=== Problem to solve ===
Could you write out the records below exactly as they appear?
*** Begin section ***
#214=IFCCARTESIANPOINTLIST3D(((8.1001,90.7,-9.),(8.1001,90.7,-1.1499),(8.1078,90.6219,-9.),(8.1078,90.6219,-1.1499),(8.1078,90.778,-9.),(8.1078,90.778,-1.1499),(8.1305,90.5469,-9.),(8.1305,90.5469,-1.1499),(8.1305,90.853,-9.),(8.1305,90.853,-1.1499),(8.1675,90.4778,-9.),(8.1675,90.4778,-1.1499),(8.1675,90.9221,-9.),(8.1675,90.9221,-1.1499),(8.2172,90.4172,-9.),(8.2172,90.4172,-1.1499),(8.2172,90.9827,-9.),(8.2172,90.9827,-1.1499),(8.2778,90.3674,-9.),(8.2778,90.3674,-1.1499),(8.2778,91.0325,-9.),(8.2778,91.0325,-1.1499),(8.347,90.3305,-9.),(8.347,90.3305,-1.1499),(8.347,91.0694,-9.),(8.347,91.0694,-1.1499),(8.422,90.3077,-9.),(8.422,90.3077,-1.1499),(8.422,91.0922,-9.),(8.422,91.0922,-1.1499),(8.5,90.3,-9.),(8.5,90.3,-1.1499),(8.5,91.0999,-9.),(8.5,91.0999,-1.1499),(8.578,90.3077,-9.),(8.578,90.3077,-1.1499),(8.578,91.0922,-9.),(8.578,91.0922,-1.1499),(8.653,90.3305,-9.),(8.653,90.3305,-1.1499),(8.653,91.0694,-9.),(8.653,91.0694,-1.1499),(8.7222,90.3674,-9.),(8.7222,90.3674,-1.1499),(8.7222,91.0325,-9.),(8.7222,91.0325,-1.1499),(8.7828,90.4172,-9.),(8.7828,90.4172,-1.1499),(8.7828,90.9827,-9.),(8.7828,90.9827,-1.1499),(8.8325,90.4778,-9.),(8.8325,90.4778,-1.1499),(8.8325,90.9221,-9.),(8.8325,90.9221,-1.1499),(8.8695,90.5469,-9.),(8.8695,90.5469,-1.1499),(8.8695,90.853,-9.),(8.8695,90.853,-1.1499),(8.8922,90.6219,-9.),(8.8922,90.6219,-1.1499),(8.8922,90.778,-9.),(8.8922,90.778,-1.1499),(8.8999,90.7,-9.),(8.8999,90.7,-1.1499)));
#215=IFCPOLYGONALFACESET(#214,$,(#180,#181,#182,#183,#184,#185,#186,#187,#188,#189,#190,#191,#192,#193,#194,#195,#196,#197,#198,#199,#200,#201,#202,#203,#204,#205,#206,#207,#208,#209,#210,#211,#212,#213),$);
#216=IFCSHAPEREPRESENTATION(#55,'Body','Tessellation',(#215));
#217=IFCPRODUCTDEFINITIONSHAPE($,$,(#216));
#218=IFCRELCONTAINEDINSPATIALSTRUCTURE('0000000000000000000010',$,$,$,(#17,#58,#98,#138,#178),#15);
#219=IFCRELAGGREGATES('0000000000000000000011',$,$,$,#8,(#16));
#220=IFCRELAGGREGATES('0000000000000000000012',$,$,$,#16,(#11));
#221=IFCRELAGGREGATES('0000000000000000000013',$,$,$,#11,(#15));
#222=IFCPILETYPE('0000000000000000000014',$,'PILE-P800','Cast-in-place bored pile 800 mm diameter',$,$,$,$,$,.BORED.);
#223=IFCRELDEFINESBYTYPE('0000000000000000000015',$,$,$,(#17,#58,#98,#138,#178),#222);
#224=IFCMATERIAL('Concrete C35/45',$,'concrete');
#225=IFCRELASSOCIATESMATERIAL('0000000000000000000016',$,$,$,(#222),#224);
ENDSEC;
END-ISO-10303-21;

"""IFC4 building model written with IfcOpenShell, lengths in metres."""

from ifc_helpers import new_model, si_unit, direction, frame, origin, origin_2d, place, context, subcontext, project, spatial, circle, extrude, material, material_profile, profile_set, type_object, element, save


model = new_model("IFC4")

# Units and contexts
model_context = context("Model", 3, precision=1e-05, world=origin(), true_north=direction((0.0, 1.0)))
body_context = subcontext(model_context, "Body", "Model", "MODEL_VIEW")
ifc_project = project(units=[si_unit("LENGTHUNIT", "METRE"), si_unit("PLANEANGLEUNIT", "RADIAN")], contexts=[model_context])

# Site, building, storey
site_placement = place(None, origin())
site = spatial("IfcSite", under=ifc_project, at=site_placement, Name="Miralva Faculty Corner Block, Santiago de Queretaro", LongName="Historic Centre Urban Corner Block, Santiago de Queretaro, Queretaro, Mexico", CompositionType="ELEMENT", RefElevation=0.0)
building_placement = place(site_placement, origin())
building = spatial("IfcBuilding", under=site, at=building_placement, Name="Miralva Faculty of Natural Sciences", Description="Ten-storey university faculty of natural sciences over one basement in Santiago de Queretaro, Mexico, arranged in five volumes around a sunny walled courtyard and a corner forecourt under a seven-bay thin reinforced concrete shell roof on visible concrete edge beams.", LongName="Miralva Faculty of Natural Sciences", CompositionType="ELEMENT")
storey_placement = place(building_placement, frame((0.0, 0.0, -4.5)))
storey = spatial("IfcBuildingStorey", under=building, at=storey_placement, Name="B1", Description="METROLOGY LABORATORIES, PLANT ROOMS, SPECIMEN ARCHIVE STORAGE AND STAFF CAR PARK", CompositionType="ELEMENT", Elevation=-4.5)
*** End section ***
=== Exercise response ===
#214=IFCCARTESIANPOINTLIST3D(((8.1001,90.7,-9.),(8.1001,90.7,-1.1499),(8.1078,90.6219,-9.),(8.1078,90.6219,-1.1499),(8.1078,90.778,-9.),(8.1078,90.778,-1.1499),(8.1305,90.5469,-9.),(8.1305,90.5469,-1.1499),(8.1305,90.853,-9.),(8.1305,90.853,-1.1499),(8.1675,90.4778,-9.),(8.1675,90.4778,-1.1499),(8.1675,90.9221,-9.),(8.1675,90.9221,-1.1499),(8.2172,90.4172,-9.),(8.2172,90.4172,-1.1499),(8.2172,90.9827,-9.),(8.2172,90.9827,-1.1499),(8.2778,90.3674,-9.),(8.2778,90.3674,-1.1499),(8.2778,91.0325,-9.),(8.2778,91.0325,-1.1499),(8.347,90.3305,-9.),(8.347,90.3305,-1.1499),(8.347,91.0694,-9.),(8.347,91.0694,-1.1499),(8.422,90.3077,-9.),(8.422,90.3077,-1.1499),(8.422,91.0922,-9.),(8.422,91.0922,-1.1499),(8.5,90.3,-9.),(8.5,90.3,-1.1499),(8.5,91.0999,-9.),(8.5,91.0999,-1.1499),(8.578,90.3077,-9.),(8.578,90.3077,-1.1499),(8.578,91.0922,-9.),(8.578,91.0922,-1.1499),(8.653,90.3305,-9.),(8.653,90.3305,-1.1499),(8.653,91.0694,-9.),(8.653,91.0694,-1.1499),(8.7222,90.3674,-9.),(8.7222,90.3674,-1.1499),(8.7222,91.0325,-9.),(8.7222,91.0325,-1.1499),(8.7828,90.4172,-9.),(8.7828,90.4172,-1.1499),(8.7828,90.9827,-9.),(8.7828,90.9827,-1.1499),(8.8325,90.4778,-9.),(8.8325,90.4778,-1.1499),(8.8325,90.9221,-9.),(8.8325,90.9221,-1.1499),(8.8695,90.5469,-9.),(8.8695,90.5469,-1.1499),(8.8695,90.853,-9.),(8.8695,90.853,-1.1499),(8.8922,90.6219,-9.),(8.8922,90.6219,-1.1499),(8.8922,90.778,-9.),(8.8922,90.778,-1.1499),(8.8999,90.7,-9.),(8.8999,90.7,-1.1499)));
#215=IFCPOLYGONALFACESET(#214,$,(#180,#181,#182,#183,#184,#185,#186,#187,#188,#189,#190,#191,#192,#193,#194,#195,#196,#197,#198,#199,#200,#201,#202,#203,#204,#205,#206,#207,#208,#209,#210,#211,#212,#213),$);
#216=IFCSHAPEREPRESENTATION(#55,'Body','Tessellation',(#215));
#217=IFCPRODUCTDEFINITIONSHAPE($,$,(#216));
#218=IFCRELCONTAINEDINSPATIALSTRUCTURE('0000000000000000000010',$,$,$,(#17,#58,#98,#138,#178),#15);
#219=IFCRELAGGREGATES('0000000000000000000011',$,$,$,#8,(#16));
#220=IFCRELAGGREGATES('0000000000000000000012',$,$,$,#16,(#11));
#221=IFCRELAGGREGATES('0000000000000000000013',$,$,$,#11,(#15));
#222=IFCPILETYPE('0000000000000000000014',$,'PILE-P800','Cast-in-place bored pile 800 mm diameter',$,$,$,$,$,.BORED.);
#223=IFCRELDEFINESBYTYPE('0000000000000000000015',$,$,$,(#17,#58,#98,#138,#178),#222);
#224=IFCMATERIAL('Concrete C35/45',$,'concrete');
#225=IFCRELASSOCIATESMATERIAL('0000000000000000000016',$,$,$,(#222),#224);
ENDSEC;
END-ISO-10303-21;

"""IFC4 building model written with IfcOpenShell, lengths in metres."""

from ifc_helpers import new_model, si_unit, direction, frame, origin, origin_2d, place, context, subcontext, project, spatial, circle, extrude, material, material_profile, profile_set, type_object, element, save


model = new_model("IFC4")

# Units and contexts
model_context = context("Model", 3, precision=1e-05, world=origin(), true_north=direction((0.0, 1.0)))
body_context = subcontext(model_context, "Body", "Model", "MODEL_VIEW")
ifc_project = project(units=[si_unit("LENGTHUNIT", "METRE"), si_unit("PLANEANGLEUNIT", "RADIAN")], contexts=[model_context])

# Site, building, storey
site_placement = place(None, origin())
site = spatial("IfcSite", under=ifc_project, at=site_placement, Name="Miralva Faculty Corner Block, Santiago de Queretaro", LongName="Historic Centre Urban Corner Block, Santiago de Queretaro, Queretaro, Mexico", CompositionType="ELEMENT", RefElevation=0.0)
building_placement = place(site_placement, origin())
building = spatial("IfcBuilding", under=site, at=building_placement, Name="Miralva Faculty of Natural Sciences", Description="Ten-storey university faculty of natural sciences over one basement in Santiago de Queretaro, Mexico, arranged in five volumes around a sunny walled courtyard and a corner forecourt under a seven-bay thin reinforced concrete shell roof on visible concrete edge beams.", LongName="Miralva Faculty of Natural Sciences", CompositionType="ELEMENT")
storey_placement = place(building_placement, frame((0.0, 0.0, -4.5)))
storey = spatial("IfcBuildingStorey", under=building, at=storey_placement, Name="B1", Description="METROLOGY LABORATORIES, PLANT ROOMS, SPECIMEN ARCHIVE STORAGE AND STAFF CAR PARK", CompositionType="ELEMENT", Elevation=-4.5)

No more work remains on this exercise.